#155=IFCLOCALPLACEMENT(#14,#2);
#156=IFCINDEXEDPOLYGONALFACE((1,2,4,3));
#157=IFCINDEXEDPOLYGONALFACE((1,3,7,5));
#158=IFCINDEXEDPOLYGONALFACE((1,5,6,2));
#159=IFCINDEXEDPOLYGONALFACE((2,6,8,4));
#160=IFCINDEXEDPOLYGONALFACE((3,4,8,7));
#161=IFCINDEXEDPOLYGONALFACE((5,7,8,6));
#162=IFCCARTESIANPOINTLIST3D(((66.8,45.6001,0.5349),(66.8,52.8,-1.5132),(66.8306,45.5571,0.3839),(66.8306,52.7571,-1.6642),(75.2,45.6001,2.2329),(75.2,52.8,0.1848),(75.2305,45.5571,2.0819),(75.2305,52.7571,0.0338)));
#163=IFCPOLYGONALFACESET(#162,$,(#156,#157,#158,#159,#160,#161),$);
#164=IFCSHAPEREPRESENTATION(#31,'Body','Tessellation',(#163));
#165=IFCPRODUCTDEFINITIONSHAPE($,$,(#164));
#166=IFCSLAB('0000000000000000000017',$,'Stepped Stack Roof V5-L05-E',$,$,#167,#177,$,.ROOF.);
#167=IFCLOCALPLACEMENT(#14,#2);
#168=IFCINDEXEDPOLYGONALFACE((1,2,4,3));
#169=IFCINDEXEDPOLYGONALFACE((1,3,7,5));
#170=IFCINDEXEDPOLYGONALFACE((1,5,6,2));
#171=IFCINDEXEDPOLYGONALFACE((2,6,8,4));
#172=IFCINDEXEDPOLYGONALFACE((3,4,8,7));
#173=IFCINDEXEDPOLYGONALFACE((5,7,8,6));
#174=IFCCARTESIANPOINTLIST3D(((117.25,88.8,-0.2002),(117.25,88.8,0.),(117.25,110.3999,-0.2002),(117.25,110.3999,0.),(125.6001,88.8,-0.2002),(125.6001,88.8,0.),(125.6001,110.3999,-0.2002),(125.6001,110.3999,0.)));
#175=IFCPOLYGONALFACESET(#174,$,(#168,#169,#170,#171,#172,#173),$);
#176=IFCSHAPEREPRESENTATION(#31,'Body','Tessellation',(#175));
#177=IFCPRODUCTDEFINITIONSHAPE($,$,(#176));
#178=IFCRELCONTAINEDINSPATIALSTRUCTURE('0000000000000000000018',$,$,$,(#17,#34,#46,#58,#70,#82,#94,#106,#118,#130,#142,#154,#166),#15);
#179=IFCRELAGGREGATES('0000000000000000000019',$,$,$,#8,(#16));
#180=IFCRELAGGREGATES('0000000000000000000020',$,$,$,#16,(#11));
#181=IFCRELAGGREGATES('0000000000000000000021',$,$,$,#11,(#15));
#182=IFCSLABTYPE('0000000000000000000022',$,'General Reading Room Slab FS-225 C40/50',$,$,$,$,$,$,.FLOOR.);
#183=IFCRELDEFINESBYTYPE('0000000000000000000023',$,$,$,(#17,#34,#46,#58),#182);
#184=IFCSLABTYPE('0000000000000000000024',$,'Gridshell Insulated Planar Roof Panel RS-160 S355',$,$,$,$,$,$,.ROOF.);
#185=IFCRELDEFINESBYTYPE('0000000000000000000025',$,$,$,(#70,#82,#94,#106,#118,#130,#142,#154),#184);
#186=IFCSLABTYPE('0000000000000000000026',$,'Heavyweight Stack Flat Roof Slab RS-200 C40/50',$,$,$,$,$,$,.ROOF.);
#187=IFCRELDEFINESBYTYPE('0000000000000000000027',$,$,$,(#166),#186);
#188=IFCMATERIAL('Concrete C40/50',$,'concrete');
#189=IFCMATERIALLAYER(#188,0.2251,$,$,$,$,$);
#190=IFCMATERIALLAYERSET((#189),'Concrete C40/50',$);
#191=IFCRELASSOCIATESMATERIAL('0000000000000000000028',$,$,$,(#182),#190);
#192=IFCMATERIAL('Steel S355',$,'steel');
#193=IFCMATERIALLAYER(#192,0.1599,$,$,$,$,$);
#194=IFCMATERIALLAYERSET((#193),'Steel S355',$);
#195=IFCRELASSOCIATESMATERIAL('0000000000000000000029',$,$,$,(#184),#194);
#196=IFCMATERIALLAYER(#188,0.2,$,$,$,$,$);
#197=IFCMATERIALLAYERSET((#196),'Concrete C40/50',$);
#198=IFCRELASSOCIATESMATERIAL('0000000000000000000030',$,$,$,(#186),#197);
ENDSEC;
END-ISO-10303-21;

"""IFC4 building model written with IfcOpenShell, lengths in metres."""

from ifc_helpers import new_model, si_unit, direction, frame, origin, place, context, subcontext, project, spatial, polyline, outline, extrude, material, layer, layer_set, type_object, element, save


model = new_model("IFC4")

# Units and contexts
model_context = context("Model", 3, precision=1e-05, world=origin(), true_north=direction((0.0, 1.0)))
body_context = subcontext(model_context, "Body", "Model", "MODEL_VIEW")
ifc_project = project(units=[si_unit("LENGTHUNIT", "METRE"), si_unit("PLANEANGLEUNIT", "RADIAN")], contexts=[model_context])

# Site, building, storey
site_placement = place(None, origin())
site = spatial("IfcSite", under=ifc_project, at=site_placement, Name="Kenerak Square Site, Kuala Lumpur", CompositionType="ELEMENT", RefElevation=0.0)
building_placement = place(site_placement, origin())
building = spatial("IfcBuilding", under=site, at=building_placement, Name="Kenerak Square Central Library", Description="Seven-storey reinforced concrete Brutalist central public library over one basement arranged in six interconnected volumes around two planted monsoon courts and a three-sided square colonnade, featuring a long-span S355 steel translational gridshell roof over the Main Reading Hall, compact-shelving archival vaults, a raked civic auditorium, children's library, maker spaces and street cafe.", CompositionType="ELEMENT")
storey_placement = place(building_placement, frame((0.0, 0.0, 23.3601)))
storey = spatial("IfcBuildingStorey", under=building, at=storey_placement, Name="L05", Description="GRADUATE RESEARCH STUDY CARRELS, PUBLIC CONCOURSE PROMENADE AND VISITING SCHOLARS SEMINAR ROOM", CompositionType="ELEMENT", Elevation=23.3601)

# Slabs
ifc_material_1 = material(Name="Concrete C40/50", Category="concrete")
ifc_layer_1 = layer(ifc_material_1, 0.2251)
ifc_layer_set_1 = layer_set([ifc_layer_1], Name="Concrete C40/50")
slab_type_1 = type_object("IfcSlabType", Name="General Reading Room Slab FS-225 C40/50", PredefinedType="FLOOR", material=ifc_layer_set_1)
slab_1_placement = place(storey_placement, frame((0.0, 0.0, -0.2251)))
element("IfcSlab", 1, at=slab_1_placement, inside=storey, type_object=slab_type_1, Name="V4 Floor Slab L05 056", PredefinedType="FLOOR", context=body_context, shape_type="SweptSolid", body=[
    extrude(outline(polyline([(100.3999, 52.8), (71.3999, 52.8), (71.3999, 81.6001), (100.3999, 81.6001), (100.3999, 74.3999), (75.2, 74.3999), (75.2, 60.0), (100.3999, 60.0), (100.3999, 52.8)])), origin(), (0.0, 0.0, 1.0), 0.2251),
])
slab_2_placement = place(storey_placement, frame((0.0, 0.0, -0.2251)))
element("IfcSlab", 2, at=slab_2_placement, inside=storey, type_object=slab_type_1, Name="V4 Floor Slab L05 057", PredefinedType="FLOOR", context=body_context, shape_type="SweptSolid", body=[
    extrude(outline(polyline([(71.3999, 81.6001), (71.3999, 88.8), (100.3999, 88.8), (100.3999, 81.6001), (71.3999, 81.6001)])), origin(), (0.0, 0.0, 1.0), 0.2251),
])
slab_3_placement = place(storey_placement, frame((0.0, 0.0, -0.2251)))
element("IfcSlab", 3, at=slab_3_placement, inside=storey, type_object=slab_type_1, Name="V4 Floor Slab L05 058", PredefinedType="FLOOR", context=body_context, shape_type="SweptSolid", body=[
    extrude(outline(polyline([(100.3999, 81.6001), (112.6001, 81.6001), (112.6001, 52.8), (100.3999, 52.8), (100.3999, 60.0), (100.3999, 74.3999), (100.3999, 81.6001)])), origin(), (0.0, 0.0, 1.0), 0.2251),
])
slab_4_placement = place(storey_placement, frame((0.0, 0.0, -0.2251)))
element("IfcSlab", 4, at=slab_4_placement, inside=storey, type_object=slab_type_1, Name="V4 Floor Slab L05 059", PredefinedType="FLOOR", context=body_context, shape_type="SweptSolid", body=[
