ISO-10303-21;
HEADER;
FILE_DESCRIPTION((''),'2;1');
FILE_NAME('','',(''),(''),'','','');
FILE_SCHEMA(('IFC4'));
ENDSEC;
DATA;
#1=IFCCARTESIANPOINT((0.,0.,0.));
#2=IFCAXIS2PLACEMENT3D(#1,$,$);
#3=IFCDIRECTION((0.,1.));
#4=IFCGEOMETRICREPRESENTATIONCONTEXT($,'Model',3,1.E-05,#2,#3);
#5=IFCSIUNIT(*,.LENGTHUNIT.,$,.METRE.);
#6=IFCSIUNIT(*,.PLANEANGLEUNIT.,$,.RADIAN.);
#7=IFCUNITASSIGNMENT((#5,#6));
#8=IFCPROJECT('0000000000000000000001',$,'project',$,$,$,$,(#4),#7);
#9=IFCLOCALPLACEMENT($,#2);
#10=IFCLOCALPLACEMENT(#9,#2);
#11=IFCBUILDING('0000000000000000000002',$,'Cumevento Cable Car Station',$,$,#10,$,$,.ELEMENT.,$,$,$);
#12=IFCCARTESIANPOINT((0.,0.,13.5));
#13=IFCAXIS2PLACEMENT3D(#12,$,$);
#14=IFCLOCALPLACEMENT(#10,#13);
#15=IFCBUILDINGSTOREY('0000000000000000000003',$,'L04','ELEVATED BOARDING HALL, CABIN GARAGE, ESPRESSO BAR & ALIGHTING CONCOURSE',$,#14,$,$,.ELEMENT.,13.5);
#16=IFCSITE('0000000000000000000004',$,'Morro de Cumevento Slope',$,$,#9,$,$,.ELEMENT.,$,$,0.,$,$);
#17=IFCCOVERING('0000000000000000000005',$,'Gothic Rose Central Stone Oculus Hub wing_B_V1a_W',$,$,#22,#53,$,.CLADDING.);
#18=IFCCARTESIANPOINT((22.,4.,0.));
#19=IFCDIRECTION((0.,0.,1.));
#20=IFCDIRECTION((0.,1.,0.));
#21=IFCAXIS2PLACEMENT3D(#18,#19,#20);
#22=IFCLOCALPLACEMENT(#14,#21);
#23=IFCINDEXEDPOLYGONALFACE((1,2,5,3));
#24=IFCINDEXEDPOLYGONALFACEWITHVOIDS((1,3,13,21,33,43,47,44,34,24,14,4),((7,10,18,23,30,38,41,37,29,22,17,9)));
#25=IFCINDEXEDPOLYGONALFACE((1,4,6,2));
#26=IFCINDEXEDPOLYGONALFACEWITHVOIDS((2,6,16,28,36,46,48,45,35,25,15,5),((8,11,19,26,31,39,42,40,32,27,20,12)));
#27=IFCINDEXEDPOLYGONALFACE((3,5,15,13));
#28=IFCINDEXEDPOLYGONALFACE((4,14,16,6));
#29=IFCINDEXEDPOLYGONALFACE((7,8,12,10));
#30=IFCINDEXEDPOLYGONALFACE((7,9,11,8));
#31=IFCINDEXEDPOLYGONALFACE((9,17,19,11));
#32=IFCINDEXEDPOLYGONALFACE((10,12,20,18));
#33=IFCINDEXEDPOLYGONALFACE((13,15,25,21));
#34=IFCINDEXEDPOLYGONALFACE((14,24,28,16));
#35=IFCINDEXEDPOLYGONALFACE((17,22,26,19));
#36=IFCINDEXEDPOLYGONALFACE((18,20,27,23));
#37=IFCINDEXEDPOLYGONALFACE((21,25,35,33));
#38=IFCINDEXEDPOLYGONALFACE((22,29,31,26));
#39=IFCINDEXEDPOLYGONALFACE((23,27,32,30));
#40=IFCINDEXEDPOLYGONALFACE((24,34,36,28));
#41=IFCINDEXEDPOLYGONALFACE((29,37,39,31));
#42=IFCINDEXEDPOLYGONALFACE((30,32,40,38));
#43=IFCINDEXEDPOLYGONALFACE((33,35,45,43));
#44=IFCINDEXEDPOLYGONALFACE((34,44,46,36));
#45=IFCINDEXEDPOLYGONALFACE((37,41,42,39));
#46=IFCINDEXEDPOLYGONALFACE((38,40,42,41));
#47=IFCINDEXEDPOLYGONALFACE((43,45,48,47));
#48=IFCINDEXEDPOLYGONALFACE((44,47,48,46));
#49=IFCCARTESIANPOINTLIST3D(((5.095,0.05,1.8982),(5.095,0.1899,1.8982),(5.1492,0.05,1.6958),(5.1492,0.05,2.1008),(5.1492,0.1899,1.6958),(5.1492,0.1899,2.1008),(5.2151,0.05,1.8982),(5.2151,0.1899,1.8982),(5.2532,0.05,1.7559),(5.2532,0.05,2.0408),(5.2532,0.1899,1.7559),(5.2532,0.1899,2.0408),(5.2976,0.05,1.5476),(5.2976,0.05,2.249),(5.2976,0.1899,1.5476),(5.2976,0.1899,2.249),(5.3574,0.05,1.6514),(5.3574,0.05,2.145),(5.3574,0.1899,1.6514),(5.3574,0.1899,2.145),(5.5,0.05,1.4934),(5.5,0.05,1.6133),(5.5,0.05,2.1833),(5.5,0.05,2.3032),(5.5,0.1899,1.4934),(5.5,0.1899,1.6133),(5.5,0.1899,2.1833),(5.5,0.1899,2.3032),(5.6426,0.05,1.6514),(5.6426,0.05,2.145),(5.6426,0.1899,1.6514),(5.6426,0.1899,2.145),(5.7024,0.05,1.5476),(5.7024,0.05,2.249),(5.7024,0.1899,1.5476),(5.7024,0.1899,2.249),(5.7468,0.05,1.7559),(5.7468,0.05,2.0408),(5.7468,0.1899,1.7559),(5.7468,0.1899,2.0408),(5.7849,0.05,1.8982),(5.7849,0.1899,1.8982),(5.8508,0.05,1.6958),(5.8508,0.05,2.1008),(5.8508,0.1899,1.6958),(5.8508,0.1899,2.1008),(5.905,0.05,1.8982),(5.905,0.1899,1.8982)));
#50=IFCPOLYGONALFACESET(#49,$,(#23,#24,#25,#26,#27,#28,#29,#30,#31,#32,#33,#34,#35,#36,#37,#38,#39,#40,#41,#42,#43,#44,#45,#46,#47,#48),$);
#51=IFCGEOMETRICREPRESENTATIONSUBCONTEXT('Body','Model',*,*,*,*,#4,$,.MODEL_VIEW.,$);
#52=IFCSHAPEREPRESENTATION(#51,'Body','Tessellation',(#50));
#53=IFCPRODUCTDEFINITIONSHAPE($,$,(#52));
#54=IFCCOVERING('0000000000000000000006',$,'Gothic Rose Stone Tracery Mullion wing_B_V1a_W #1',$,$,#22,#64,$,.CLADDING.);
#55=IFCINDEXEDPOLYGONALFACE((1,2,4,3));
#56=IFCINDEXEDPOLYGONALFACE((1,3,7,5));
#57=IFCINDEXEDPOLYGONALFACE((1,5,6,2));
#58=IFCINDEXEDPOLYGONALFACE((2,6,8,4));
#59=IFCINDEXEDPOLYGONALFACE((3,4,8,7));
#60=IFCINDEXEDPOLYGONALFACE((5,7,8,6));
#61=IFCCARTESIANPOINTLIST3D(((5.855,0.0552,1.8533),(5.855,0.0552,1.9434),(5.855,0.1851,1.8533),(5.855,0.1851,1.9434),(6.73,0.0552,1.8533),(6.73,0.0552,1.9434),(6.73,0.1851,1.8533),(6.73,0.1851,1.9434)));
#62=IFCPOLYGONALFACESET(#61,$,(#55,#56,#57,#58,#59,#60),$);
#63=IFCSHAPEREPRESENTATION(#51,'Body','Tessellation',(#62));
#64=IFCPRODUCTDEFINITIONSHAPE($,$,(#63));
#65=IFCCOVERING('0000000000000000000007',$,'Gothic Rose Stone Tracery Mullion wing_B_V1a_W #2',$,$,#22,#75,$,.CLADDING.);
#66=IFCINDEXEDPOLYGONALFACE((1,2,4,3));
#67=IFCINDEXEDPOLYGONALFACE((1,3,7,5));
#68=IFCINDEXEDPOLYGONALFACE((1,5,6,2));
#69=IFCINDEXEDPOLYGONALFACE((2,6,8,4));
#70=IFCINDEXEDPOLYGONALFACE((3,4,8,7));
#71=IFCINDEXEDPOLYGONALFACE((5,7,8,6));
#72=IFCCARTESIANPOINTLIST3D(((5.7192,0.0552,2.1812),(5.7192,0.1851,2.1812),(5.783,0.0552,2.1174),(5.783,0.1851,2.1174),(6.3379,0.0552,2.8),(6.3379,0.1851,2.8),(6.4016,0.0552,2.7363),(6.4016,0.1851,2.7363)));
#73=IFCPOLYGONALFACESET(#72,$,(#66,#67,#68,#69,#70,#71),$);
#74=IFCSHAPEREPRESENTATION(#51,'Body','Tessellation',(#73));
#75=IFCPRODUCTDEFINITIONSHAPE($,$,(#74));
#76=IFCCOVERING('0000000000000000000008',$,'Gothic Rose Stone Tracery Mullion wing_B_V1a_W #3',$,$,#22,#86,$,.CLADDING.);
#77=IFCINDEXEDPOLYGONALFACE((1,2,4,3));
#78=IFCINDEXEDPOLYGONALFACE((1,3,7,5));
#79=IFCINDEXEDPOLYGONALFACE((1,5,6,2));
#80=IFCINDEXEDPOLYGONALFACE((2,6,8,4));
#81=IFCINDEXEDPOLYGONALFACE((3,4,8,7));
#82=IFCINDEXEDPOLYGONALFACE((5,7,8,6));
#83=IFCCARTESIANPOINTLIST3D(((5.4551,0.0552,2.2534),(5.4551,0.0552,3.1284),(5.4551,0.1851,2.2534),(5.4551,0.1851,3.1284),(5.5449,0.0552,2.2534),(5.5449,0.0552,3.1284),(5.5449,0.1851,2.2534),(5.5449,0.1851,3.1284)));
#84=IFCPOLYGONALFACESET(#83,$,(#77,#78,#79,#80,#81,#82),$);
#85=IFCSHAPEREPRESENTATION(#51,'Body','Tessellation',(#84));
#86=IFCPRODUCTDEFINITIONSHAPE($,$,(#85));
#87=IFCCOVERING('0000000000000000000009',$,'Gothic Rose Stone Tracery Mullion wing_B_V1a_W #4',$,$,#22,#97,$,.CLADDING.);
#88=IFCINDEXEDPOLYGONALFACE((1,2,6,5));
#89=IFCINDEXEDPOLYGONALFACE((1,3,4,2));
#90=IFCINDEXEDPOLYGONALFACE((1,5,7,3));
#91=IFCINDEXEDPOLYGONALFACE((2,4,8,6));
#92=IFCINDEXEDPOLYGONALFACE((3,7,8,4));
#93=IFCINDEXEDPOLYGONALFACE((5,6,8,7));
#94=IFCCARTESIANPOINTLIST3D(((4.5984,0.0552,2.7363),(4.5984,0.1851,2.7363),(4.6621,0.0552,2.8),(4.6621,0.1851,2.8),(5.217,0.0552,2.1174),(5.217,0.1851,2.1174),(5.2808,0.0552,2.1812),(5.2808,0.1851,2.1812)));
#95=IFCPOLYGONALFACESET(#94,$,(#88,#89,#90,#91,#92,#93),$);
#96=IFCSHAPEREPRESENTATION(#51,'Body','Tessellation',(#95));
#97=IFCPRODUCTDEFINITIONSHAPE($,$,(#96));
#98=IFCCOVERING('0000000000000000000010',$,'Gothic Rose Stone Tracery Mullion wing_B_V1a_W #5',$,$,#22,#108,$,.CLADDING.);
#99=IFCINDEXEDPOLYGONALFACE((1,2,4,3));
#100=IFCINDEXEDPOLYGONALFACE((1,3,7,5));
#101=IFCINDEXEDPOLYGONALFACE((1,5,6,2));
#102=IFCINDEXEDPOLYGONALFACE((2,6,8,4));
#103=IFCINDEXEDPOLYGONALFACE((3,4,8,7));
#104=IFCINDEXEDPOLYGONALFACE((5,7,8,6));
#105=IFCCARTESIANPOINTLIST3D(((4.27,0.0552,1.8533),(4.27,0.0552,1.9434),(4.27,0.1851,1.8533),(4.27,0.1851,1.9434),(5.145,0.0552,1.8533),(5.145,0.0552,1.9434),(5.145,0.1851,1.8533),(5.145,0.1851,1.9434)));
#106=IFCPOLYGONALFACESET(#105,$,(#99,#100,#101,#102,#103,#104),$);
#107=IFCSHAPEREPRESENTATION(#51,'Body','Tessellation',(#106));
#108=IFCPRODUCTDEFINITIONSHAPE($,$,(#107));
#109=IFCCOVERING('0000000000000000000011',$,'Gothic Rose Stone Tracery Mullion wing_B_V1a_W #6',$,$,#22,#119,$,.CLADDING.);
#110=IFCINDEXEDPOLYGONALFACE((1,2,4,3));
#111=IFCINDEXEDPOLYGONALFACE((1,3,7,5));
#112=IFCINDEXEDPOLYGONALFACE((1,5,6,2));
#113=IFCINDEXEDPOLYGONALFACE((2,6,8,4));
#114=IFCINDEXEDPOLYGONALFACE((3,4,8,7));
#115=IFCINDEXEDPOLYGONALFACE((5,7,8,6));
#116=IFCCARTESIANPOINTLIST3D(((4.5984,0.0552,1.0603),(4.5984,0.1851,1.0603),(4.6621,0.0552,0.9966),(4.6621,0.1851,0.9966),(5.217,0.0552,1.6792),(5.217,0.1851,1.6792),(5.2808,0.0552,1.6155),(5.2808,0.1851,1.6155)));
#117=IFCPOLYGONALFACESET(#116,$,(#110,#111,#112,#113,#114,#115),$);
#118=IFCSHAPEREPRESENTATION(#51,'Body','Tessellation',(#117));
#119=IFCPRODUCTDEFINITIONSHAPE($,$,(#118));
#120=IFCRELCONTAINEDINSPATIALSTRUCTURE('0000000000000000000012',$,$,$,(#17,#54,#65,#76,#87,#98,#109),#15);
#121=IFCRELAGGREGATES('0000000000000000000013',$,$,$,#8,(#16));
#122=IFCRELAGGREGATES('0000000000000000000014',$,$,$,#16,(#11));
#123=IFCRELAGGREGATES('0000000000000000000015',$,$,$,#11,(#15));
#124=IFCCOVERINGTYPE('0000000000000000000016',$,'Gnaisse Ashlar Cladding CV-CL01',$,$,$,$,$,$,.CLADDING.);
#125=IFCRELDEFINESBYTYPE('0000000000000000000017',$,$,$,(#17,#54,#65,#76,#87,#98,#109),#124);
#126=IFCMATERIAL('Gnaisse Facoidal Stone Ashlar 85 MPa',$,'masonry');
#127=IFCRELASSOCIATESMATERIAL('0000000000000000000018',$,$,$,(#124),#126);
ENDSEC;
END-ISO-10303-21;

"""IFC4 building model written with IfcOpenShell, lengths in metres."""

from ifc_helpers import new_model, si_unit, direction, frame, origin, place, context, subcontext, project, spatial, polyline, outline, extrude, material, type_object, element, save


model = new_model("IFC4")

# Units and contexts
model_context = context("Model", 3, precision=1e-05, world=origin(), true_north=direction((0.0, 1.0)))
body_context = subcontext(model_context, "Body", "Model", "MODEL_VIEW")
ifc_project = project(units=[si_unit("LENGTHUNIT", "METRE"), si_unit("PLANEANGLEUNIT", "RADIAN")], contexts=[model_context])

# Site, building, storey
site_placement = place(None, origin())
site = spatial("IfcSite", under=ifc_project, at=site_placement, Name="Morro de Cumevento Slope", CompositionType="ELEMENT", RefElevation=0.0)
building_placement = place(site_placement, origin())
building = spatial("IfcBuilding", under=site, at=building_placement, Name="Cumevento Cable Car Station", CompositionType="ELEMENT")
storey_placement = place(building_placement, frame((0.0, 0.0, 13.5)))
storey = spatial("IfcBuildingStorey", under=building, at=storey_placement, Name="L04", Description="ELEVATED BOARDING HALL, CABIN GARAGE, ESPRESSO BAR & ALIGHTING CONCOURSE", CompositionType="ELEMENT", Elevation=13.5)

# Coverings
ifc_material_1 = material(Name="Gnaisse Facoidal Stone Ashlar 85 MPa", Category="masonry")
covering_type = type_object("IfcCoveringType", Name="Gnaisse Ashlar Cladding CV-CL01", PredefinedType="CLADDING", material=ifc_material_1)
placement_1 = place(storey_placement, frame((22.0, 4.0, 0.0), z_axis=(0.0, 0.0, 1.0), x_axis=(0.0, 1.0, 0.0)))
element("IfcCovering", 1, at=placement_1, inside=storey, type_object=covering_type, Name="Gothic Rose Central Stone Oculus Hub wing_B_V1a_W", PredefinedType="CLADDING", context=body_context, shape_type="SweptSolid", body=[
    extrude(outline(polyline([(5.905, 1.8982), (5.8508, 2.1008), (5.7024, 2.249), (5.5, 2.3032), (5.2976, 2.249), (5.1492, 2.1008), (5.095, 1.8982), (5.1492, 1.6958), (5.2976, 1.5476), (5.5, 1.4934), (5.7024, 1.5476), (5.8508, 1.6958), (5.905, 1.8982)]), holes=[polyline([(5.7849, 1.8982), (5.7468, 2.0408), (5.6426, 2.145), (5.5, 2.1833), (5.3574, 2.145), (5.2532, 2.0408), (5.2151, 1.8982), (5.2532, 1.7559), (5.3574, 1.6514), (5.5, 1.6133), (5.6426, 1.6514), (5.7468, 1.7559), (5.7849, 1.8982)])]), frame((0.0, 0.1899, 0.0), z_axis=(0.0, -1.0, 0.0), x_axis=(1.0, 0.0, 0.0)), (0.0, 0.0, 1.0), 0.1399),
])
element("IfcCovering", 2, at=placement_1, inside=storey, type_object=covering_type, Name="Gothic Rose Stone Tracery Mullion wing_B_V1a_W #1", PredefinedType="CLADDING", context=body_context, shape_type="SweptSolid", body=[
    extrude(outline(polyline([(5.855, 1.9434), (6.73, 1.9434), (6.73, 1.8533), (5.855, 1.8533), (5.855, 1.9434)])), frame((0.0, 0.1851, 0.0), z_axis=(0.0, -1.0, 0.0), x_axis=(1.0, 0.0, 0.0)), (0.0, 0.0, 1.0), 0.1299),
])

§ §

Work task: Some lines in the data above hold the string "IFCRELDEFINESBYTYPE". Find and copy each of them.

Answer section:
#183=IFCRELDEFINESBYTYPE('0000000000000000000023',$,$,$,(#17,#34,#46,#58),#182);
#185=IFCRELDEFINESBYTYPE('0000000000000000000025',$,$,$,(#70,#82,#94,#106,#118,#130,#142,#154),#184);
#187=IFCRELDEFINESBYTYPE('0000000000000000000027',$,$,$,(#166),#186);
#125=IFCRELDEFINESBYTYPE('0000000000000000000017',$,$,$,(#17,#54,#65,#76,#87,#98,#109),#124);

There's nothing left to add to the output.